*WHAT TO DO*: When a line of the material has the word "IFCPRODUCTDEFINITIONSHAPE" in it, copy that line.

*DATA FOR ANALYSIS*:
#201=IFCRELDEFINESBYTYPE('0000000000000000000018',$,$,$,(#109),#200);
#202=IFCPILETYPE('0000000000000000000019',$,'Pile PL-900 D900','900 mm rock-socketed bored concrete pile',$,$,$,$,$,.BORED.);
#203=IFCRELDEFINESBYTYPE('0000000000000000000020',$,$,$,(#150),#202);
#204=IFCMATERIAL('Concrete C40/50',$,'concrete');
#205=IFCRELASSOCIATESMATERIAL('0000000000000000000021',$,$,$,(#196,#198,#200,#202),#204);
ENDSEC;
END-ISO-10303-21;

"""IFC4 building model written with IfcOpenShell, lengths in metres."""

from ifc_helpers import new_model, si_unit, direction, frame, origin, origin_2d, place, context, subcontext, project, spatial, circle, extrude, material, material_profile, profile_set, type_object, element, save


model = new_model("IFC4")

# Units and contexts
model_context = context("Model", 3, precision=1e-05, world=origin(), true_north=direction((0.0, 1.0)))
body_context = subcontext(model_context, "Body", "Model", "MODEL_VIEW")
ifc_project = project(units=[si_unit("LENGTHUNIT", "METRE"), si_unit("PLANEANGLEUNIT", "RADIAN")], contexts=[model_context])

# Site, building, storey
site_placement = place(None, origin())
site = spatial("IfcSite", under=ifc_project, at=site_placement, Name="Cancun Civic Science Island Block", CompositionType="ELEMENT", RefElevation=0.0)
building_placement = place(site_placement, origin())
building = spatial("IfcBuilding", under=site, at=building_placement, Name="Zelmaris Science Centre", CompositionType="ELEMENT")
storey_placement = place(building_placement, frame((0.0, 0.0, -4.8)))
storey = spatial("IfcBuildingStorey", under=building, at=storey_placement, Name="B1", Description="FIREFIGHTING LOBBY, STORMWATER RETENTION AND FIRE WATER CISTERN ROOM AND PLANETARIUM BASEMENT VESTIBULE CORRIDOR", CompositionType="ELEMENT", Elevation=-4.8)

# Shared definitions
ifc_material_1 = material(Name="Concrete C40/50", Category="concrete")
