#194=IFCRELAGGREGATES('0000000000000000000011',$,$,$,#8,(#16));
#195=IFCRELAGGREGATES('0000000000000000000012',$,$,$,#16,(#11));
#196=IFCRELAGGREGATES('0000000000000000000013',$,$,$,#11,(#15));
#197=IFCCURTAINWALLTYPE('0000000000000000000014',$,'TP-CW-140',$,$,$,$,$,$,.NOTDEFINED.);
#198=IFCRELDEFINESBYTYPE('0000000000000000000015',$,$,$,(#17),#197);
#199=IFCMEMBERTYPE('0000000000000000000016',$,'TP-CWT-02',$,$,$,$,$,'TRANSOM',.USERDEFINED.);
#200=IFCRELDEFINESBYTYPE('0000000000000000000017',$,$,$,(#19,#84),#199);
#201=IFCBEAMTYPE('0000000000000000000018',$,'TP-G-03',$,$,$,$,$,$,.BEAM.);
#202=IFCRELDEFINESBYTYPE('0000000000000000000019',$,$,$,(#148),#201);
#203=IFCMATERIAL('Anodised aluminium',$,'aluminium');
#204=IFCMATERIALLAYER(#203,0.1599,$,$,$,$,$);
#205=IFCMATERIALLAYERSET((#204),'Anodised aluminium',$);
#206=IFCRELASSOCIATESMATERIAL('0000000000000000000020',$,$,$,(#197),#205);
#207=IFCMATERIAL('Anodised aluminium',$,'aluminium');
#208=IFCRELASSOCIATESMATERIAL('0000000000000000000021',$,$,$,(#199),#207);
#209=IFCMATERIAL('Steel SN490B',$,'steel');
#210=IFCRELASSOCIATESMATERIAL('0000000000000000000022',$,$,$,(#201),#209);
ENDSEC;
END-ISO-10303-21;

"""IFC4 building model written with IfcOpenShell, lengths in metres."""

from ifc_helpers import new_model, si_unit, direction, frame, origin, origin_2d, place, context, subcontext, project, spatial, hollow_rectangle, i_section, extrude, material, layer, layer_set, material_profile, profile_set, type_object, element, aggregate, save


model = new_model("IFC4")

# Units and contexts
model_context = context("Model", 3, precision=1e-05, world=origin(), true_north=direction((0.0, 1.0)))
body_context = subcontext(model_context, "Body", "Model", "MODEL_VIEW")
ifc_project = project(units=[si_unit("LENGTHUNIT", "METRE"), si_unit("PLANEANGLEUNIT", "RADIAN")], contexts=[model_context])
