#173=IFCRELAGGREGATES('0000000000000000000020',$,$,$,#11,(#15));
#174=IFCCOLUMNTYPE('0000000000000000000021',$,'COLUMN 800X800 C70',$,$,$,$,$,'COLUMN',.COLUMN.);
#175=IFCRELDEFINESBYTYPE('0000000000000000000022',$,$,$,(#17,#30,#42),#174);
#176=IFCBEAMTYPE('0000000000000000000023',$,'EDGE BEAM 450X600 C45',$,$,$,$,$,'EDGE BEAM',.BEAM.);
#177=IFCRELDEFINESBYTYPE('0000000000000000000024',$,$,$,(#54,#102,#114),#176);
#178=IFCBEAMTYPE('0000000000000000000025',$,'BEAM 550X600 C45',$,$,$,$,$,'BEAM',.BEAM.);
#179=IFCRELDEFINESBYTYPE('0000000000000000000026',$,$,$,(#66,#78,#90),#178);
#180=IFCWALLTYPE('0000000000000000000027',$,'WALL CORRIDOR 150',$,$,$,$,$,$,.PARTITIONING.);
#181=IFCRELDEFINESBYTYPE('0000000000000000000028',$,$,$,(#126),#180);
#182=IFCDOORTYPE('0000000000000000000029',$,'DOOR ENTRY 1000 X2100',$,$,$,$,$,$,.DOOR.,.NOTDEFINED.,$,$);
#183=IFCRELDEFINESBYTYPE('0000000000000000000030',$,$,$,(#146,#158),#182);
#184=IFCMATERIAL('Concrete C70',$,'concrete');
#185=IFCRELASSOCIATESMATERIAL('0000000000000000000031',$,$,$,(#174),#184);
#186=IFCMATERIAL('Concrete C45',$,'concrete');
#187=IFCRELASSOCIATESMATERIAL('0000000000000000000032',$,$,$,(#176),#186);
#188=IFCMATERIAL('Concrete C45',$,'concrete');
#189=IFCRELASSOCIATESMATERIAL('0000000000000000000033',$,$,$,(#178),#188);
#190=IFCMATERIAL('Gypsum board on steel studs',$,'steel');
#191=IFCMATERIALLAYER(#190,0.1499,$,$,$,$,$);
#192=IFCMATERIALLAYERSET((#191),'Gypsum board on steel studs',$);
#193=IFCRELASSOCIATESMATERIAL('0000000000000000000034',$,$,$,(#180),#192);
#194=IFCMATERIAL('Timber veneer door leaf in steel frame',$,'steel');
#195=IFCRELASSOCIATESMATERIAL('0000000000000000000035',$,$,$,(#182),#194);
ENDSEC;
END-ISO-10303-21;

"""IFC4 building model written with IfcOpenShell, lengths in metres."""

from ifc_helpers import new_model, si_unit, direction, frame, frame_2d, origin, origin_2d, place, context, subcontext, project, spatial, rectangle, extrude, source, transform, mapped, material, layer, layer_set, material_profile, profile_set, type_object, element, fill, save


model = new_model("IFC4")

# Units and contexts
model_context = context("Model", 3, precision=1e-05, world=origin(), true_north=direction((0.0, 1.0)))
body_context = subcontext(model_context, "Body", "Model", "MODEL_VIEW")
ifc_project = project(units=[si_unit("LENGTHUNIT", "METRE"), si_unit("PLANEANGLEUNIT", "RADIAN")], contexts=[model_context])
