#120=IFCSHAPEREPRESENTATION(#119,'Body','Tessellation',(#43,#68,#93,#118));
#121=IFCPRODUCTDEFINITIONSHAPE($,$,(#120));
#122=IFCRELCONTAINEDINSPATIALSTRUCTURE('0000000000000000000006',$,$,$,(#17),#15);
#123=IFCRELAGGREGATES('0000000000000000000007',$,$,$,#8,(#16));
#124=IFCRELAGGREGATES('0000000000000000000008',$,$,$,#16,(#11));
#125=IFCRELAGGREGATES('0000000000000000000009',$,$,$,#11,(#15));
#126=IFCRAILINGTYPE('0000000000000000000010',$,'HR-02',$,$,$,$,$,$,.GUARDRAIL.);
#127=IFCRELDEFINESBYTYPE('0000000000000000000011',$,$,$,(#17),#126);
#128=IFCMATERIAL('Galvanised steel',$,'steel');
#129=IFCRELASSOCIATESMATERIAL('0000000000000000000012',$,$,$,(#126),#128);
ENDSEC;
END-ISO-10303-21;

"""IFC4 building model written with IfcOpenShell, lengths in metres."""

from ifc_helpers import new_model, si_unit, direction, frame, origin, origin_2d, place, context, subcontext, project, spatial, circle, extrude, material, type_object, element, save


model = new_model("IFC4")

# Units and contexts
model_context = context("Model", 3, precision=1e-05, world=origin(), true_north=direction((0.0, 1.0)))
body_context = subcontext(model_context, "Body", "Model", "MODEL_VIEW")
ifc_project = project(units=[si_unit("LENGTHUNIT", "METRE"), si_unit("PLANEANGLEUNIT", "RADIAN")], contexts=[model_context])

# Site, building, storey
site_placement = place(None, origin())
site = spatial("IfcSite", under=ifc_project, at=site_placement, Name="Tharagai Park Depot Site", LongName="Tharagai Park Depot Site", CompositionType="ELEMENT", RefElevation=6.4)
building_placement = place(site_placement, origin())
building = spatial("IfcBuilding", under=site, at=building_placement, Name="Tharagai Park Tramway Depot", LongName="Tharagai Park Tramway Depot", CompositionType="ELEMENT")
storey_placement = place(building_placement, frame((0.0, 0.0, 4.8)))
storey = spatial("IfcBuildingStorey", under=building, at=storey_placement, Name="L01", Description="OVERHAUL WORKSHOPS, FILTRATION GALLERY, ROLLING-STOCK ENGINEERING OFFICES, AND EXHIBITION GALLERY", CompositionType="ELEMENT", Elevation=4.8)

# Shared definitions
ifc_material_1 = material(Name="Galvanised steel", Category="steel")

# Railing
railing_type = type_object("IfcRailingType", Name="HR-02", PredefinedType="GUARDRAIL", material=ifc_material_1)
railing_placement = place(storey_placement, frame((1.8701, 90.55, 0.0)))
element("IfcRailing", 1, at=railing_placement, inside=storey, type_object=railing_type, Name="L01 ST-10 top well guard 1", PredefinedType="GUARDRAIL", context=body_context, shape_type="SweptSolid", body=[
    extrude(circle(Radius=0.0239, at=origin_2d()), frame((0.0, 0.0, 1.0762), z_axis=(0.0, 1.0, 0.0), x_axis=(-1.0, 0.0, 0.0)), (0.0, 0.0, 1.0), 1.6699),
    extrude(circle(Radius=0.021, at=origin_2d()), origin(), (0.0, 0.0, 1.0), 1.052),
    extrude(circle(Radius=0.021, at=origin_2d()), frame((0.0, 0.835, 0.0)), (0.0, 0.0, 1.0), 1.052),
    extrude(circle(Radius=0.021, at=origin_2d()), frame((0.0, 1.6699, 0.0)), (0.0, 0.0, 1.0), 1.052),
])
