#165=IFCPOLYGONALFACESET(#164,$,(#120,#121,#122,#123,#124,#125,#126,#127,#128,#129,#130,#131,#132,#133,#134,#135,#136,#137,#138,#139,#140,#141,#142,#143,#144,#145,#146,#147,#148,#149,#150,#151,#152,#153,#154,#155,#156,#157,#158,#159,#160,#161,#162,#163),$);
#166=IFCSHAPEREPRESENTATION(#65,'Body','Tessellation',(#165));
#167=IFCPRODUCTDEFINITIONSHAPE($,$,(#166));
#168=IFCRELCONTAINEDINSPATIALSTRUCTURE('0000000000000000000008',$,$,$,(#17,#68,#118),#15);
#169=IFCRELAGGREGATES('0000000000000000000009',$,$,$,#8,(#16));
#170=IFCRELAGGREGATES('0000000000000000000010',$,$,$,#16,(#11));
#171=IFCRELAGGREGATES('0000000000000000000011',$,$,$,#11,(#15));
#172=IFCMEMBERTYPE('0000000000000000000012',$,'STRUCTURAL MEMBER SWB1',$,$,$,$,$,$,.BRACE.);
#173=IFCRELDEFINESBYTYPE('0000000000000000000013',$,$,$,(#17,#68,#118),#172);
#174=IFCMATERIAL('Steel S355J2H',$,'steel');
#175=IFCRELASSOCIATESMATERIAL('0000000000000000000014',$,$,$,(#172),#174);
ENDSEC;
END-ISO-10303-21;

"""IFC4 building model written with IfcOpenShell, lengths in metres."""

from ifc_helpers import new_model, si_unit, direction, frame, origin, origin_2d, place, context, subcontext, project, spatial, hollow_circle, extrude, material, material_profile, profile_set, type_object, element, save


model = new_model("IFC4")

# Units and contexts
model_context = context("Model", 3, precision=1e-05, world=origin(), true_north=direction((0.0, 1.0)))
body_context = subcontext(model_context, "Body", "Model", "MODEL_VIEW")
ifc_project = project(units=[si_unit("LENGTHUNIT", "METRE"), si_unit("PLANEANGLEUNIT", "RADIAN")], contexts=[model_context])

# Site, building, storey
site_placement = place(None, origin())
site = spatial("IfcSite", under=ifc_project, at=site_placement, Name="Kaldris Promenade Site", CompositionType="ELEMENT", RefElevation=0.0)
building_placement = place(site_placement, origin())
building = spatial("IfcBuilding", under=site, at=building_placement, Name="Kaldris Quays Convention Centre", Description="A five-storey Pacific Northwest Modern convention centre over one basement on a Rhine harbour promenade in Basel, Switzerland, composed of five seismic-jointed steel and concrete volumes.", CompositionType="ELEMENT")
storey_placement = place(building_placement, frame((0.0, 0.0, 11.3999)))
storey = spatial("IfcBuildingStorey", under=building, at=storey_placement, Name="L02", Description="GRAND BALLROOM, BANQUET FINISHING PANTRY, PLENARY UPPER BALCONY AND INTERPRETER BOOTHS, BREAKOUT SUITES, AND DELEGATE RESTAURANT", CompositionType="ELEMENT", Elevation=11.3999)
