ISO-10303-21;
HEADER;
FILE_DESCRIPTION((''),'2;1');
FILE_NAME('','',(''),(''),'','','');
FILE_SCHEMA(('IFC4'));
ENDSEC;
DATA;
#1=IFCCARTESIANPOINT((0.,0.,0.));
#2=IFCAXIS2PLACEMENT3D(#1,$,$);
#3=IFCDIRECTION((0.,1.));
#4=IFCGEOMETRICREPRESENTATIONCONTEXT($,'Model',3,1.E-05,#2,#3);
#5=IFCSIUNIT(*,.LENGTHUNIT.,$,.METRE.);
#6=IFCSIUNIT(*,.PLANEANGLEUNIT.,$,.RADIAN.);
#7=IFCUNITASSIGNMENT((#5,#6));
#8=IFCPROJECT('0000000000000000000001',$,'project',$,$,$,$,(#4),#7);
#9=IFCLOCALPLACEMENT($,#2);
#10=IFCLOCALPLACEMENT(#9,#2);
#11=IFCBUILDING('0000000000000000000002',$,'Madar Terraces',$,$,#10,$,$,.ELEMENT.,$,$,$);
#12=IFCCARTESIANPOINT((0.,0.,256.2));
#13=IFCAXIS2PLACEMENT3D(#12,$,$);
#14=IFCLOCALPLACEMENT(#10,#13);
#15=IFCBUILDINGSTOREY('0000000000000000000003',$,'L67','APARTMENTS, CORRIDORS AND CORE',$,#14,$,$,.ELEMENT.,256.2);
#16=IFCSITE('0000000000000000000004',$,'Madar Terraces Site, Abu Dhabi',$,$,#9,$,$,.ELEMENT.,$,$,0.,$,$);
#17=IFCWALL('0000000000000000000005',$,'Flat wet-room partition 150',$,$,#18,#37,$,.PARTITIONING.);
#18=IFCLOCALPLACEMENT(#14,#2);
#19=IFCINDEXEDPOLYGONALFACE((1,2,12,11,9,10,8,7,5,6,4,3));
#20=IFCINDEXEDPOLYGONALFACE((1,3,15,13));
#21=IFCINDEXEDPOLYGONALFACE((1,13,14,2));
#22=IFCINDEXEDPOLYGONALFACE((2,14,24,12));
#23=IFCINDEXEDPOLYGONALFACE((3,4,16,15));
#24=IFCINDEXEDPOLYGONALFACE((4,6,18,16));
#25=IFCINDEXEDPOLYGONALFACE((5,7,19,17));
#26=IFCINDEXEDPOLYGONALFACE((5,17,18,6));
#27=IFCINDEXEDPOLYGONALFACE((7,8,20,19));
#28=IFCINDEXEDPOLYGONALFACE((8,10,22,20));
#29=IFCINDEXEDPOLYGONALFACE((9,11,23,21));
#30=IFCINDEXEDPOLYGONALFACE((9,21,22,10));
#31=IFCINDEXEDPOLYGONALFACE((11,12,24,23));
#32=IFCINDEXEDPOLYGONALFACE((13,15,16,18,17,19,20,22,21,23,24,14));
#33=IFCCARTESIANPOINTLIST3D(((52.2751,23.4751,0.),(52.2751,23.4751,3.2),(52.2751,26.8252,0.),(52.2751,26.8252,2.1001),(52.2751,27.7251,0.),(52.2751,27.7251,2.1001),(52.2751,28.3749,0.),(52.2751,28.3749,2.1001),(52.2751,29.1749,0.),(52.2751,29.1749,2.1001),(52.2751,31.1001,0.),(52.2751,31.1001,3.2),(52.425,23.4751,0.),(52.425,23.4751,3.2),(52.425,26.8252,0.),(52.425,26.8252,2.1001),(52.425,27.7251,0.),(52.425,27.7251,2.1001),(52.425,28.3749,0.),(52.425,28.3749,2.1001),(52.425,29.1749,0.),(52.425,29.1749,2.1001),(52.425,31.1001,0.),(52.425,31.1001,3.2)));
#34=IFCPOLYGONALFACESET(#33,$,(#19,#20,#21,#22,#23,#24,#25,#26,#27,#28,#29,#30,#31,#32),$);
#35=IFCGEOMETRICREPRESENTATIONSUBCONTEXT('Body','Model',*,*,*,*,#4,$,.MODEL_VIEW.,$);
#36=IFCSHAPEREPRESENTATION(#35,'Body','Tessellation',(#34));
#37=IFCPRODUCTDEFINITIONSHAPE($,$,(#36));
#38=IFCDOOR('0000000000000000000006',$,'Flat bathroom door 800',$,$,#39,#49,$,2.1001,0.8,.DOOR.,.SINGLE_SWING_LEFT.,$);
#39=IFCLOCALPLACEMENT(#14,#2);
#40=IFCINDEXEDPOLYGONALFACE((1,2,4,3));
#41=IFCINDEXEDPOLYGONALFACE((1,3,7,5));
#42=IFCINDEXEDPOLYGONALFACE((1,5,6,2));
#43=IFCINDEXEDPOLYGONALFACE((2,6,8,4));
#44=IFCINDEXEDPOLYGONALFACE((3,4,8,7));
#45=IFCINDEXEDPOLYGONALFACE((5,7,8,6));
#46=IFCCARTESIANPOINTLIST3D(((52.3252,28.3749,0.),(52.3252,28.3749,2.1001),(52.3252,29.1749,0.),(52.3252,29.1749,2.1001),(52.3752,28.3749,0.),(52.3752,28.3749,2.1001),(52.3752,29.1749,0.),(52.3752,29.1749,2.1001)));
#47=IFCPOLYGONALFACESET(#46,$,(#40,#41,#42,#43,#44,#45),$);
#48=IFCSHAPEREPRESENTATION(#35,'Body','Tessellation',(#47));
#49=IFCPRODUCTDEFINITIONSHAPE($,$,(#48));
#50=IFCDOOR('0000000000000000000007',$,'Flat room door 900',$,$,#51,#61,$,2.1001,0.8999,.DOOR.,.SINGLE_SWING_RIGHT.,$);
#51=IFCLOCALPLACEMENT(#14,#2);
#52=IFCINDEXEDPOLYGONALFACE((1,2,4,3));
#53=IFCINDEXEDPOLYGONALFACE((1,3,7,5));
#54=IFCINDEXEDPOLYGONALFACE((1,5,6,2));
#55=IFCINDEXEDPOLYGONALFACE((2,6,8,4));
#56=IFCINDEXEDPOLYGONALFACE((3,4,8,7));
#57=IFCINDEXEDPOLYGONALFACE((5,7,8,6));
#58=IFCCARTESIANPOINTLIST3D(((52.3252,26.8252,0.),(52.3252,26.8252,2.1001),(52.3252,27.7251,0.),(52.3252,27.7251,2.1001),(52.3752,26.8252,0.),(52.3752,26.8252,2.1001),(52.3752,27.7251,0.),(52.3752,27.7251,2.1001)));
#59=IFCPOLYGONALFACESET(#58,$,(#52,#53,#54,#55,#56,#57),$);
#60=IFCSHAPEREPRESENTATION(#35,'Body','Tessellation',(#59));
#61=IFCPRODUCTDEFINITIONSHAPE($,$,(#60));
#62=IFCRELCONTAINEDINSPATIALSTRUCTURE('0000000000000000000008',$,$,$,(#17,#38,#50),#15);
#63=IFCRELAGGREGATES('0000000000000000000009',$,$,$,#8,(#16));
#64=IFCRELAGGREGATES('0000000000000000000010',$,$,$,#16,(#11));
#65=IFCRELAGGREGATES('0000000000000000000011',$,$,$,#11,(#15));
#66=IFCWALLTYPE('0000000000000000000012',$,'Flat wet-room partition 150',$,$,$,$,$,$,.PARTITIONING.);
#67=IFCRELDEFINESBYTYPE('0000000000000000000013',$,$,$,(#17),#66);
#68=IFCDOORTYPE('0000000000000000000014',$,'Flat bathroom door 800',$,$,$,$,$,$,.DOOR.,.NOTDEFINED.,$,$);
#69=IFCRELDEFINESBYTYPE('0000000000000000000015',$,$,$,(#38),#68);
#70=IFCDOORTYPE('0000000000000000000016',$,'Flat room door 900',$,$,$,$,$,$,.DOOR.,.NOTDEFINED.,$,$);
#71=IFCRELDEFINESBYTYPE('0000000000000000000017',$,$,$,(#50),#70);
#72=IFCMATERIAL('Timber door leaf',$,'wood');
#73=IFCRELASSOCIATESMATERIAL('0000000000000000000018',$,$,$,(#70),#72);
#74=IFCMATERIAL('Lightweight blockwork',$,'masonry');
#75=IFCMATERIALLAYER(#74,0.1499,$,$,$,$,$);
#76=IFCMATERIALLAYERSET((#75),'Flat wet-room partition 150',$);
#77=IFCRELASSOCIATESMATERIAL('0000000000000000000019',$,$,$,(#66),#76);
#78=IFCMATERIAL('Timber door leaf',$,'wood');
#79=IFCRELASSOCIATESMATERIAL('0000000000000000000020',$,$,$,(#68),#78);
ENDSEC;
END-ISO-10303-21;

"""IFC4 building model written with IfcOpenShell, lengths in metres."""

from ifc_helpers import new_model, si_unit, direction, frame, frame_2d, origin, place, context, subcontext, project, spatial, rectangle, extrude, material, layer, layer_set, type_object, element, fill, save


model = new_model("IFC4")

# Units and contexts
model_context = context("Model", 3, precision=1e-05, world=origin(), true_north=direction((0.0, 1.0)))
body_context = subcontext(model_context, "Body", "Model", "MODEL_VIEW")
ifc_project = project(units=[si_unit("LENGTHUNIT", "METRE"), si_unit("PLANEANGLEUNIT", "RADIAN")], contexts=[model_context])

# Site, building, storey
site_placement = place(None, origin())
site = spatial("IfcSite", under=ifc_project, at=site_placement, Name="Madar Terraces Site, Abu Dhabi", CompositionType="ELEMENT", RefElevation=0.0)
building_placement = place(site_placement, origin())
building = spatial("IfcBuilding", under=site, at=building_placement, Name="Madar Terraces", CompositionType="ELEMENT")
storey_placement = place(building_placement, frame((0.0, 0.0, 256.2)))
storey = spatial("IfcBuildingStorey", under=building, at=storey_placement, Name="L67", Description="APARTMENTS, CORRIDORS AND CORE", CompositionType="ELEMENT", Elevation=256.2)

# Shared definitions
ifc_material_1 = material(Name="Timber door leaf", Category="wood")
door_type_1 = type_object("IfcDoorType", Name="Flat room door 900", OperationType="NOTDEFINED", PredefinedType="DOOR", material=ifc_material_1)

# Shared definitions
ifc_material_2 = material(Name="Lightweight blockwork", Category="masonry")
ifc_layer_1 = layer(ifc_material_2, 0.1499)
ifc_layer_set_1 = layer_set([ifc_layer_1], Name="Flat wet-room partition 150")
wall_type_1 = type_object("IfcWallType", Name="Flat wet-room partition 150", PredefinedType="PARTITIONING", material=ifc_layer_set_1)

# Wall, openings, doors
wall_1_placement = place(storey_placement, frame((52.3501, 23.4751, 0.0), z_axis=(0.0, 0.0, 1.0), x_axis=(0.0, 1.0, 0.0)))
wall_1 = element("IfcWall", 1, at=wall_1_placement, inside=storey, type_object=wall_type_1, Name="Flat wet-room partition 150", PredefinedType="PARTITIONING", context=body_context, shape_type="SweptSolid", body=[
    extrude(rectangle(XDim=7.625, YDim=0.1499, at=frame_2d((3.8125, 0.0))), origin(), (0.0, 0.0, 1.0), 3.2),
])
opening_1_placement = place(wall_1_placement, frame((3.3501, 0.0, 0.0)))
opening_1 = element("IfcOpeningElement", 2, at=opening_1_placement, cuts=wall_1, PredefinedType="OPENING", context=body_context, shape_type="SweptSolid", body=[
    extrude(rectangle(XDim=0.8999, YDim=2.1001, at=frame_2d((0.45, 1.05))), frame((0.0, 0.085, 0.0), z_axis=(0.0, -1.0, 0.0), x_axis=(1.0, 0.0, 0.0)), (0.0, 0.0, 1.0), 0.1699),
])
opening_2_placement = place(wall_1_placement, frame((4.8999, 0.0, 0.0)))
opening_2 = element("IfcOpeningElement", 3, at=opening_2_placement, cuts=wall_1, PredefinedType="OPENING", context=body_context, shape_type="SweptSolid", body=[
    extrude(rectangle(XDim=0.8, YDim=2.1001, at=frame_2d((0.3999, 1.05))), frame((0.0, 0.085, 0.0), z_axis=(0.0, -1.0, 0.0), x_axis=(1.0, 0.0, 0.0)), (0.0, 0.0, 1.0), 0.1699),
])
ifc_material_3 = material(Name="Timber door leaf", Category="wood")
door_type_2 = type_object("IfcDoorType", Name="Flat bathroom door 800", OperationType="NOTDEFINED", PredefinedType="DOOR", material=ifc_material_3)
door_1_placement = place(opening_2_placement, origin())
door_1 = element("IfcDoor", 4, at=door_1_placement, inside=storey, type_object=door_type_2, Name="Flat bathroom door 800", OperationType="SINGLE_SWING_LEFT", OverallHeight=2.1001, OverallWidth=0.8, PredefinedType="DOOR", context=body_context, shape_type="SweptSolid", body=[
    extrude(rectangle(XDim=0.8, YDim=2.1001, at=frame_2d((0.3999, 1.05))), frame((0.0, 0.0249, 0.0), z_axis=(0.0, -1.0, 0.0), x_axis=(1.0, 0.0, 0.0)), (0.0, 0.0, 1.0), 0.05),
])
fill(opening_2, door_1)
door_2_placement = place(opening_1_placement, origin())
door_2 = element("IfcDoor", 5, at=door_2_placement, inside=storey, type_object=door_type_1, Name="Flat room door 900", OperationType="SINGLE_SWING_RIGHT", OverallHeight=2.1001, OverallWidth=0.8999, PredefinedType="DOOR", context=body_context, shape_type="SweptSolid", body=[
    extrude(rectangle(XDim=0.8999, YDim=2.1001, at=frame_2d((0.45, 1.05))), frame((0.0, 0.0249, 0.0), z_axis=(0.0, -1.0, 0.0), x_axis=(1.0, 0.0, 0.0)), (0.0, 0.0, 1.0), 0.05),
])
fill(opening_1, door_2)

save(model, "model.ifc")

*FINAL ANSWER*:
#121=IFCPRODUCTDEFINITIONSHAPE($,$,(#120));
#167=IFCPRODUCTDEFINITIONSHAPE($,$,(#166));
#37=IFCPRODUCTDEFINITIONSHAPE($,$,(#36));
#49=IFCPRODUCTDEFINITIONSHAPE($,$,(#48));
#61=IFCPRODUCTDEFINITIONSHAPE($,$,(#60));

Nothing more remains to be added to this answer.